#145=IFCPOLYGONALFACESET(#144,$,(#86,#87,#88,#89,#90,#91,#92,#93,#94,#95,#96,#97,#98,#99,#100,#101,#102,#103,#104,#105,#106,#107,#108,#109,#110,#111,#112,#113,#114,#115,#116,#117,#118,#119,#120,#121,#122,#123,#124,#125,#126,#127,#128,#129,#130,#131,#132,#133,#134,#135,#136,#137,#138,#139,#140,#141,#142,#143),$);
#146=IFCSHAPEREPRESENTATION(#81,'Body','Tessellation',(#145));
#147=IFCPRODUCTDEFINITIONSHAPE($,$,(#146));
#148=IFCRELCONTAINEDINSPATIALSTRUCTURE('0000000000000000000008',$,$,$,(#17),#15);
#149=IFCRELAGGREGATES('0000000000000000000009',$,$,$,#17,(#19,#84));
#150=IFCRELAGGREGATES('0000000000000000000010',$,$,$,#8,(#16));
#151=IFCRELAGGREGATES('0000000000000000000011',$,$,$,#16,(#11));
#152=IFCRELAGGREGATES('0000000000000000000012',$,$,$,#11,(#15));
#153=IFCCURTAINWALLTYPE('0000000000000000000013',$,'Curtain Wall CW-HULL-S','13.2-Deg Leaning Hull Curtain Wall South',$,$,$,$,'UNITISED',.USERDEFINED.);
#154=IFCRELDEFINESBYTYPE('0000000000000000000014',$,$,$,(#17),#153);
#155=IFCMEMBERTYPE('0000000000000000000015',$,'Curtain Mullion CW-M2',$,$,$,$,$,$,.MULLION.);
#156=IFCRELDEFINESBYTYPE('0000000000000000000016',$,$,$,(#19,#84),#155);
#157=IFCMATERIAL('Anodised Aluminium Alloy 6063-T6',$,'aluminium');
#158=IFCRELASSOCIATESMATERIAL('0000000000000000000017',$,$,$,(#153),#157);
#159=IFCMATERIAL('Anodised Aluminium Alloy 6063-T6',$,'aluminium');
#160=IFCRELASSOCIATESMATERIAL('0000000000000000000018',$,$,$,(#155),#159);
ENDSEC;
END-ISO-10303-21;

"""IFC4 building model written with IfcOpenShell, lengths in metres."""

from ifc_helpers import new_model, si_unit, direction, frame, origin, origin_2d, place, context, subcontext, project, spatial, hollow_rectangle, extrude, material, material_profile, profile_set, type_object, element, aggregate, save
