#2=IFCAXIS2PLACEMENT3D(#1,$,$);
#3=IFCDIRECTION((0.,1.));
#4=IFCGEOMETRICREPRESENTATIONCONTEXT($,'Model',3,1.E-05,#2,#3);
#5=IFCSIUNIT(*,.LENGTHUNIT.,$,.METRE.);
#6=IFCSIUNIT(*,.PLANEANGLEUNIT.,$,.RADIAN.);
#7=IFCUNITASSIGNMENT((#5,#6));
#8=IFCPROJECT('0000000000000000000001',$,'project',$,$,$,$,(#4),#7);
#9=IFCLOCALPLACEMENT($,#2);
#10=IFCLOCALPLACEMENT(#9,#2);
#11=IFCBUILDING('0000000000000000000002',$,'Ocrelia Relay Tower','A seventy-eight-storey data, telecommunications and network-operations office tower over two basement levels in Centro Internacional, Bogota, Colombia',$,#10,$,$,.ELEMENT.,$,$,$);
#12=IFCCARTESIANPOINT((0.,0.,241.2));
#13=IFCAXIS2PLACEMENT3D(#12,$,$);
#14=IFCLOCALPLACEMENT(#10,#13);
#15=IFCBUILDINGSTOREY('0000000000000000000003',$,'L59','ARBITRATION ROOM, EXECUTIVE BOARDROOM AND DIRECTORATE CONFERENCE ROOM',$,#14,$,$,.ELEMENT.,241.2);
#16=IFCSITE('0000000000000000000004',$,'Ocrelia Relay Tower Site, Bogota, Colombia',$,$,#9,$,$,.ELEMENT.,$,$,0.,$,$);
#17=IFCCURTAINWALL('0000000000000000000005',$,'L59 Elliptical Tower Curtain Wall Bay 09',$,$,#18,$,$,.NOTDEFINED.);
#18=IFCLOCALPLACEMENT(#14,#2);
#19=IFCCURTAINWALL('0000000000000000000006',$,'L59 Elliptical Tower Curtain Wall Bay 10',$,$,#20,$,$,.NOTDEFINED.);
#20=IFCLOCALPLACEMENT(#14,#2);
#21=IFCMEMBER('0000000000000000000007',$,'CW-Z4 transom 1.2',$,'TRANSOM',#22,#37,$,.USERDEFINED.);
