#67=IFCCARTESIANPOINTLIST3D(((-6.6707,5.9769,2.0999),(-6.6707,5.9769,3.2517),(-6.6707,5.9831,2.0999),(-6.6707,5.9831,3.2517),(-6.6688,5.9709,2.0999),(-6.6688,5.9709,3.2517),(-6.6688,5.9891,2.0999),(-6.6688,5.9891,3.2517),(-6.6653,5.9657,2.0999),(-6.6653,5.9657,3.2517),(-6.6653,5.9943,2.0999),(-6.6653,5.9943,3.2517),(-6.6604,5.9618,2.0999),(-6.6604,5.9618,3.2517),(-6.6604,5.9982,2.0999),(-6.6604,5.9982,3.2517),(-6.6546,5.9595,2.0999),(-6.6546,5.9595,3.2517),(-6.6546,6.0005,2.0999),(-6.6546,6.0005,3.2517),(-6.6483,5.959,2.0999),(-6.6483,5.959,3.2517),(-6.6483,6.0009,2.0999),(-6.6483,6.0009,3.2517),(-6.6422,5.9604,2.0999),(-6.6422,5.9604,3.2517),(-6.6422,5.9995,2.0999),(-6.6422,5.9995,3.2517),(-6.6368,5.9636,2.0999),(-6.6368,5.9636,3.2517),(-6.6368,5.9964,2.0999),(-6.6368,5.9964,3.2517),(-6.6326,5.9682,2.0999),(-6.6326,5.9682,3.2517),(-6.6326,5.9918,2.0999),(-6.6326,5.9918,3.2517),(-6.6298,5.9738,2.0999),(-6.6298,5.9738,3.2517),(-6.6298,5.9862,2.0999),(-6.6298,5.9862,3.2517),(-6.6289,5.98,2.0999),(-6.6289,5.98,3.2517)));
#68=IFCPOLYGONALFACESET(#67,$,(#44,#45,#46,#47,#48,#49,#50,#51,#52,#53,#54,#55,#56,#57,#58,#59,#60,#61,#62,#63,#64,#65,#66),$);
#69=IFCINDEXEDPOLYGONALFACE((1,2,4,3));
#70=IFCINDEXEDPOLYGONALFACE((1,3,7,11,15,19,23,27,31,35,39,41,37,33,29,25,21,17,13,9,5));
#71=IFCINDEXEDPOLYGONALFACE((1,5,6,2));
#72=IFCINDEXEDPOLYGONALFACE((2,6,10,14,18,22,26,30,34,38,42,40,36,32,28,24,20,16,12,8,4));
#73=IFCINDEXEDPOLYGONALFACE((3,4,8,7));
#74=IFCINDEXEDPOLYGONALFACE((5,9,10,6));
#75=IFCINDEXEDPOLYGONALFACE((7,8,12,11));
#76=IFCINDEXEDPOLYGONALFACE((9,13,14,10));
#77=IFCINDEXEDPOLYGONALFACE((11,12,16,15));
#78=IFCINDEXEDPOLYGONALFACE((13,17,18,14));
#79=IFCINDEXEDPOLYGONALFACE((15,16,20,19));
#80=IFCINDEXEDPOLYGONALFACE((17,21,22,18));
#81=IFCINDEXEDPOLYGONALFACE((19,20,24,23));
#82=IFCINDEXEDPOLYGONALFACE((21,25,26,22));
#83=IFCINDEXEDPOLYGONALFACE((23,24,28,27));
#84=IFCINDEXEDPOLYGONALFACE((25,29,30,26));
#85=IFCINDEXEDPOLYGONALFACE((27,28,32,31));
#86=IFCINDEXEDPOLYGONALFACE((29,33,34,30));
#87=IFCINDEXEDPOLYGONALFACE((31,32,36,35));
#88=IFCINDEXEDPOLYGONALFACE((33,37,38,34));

TASK ITEM: Whenever a line of the entries contains "Alloy", it counts toward the total; state that total alone.

RESPONSE BELOW: 2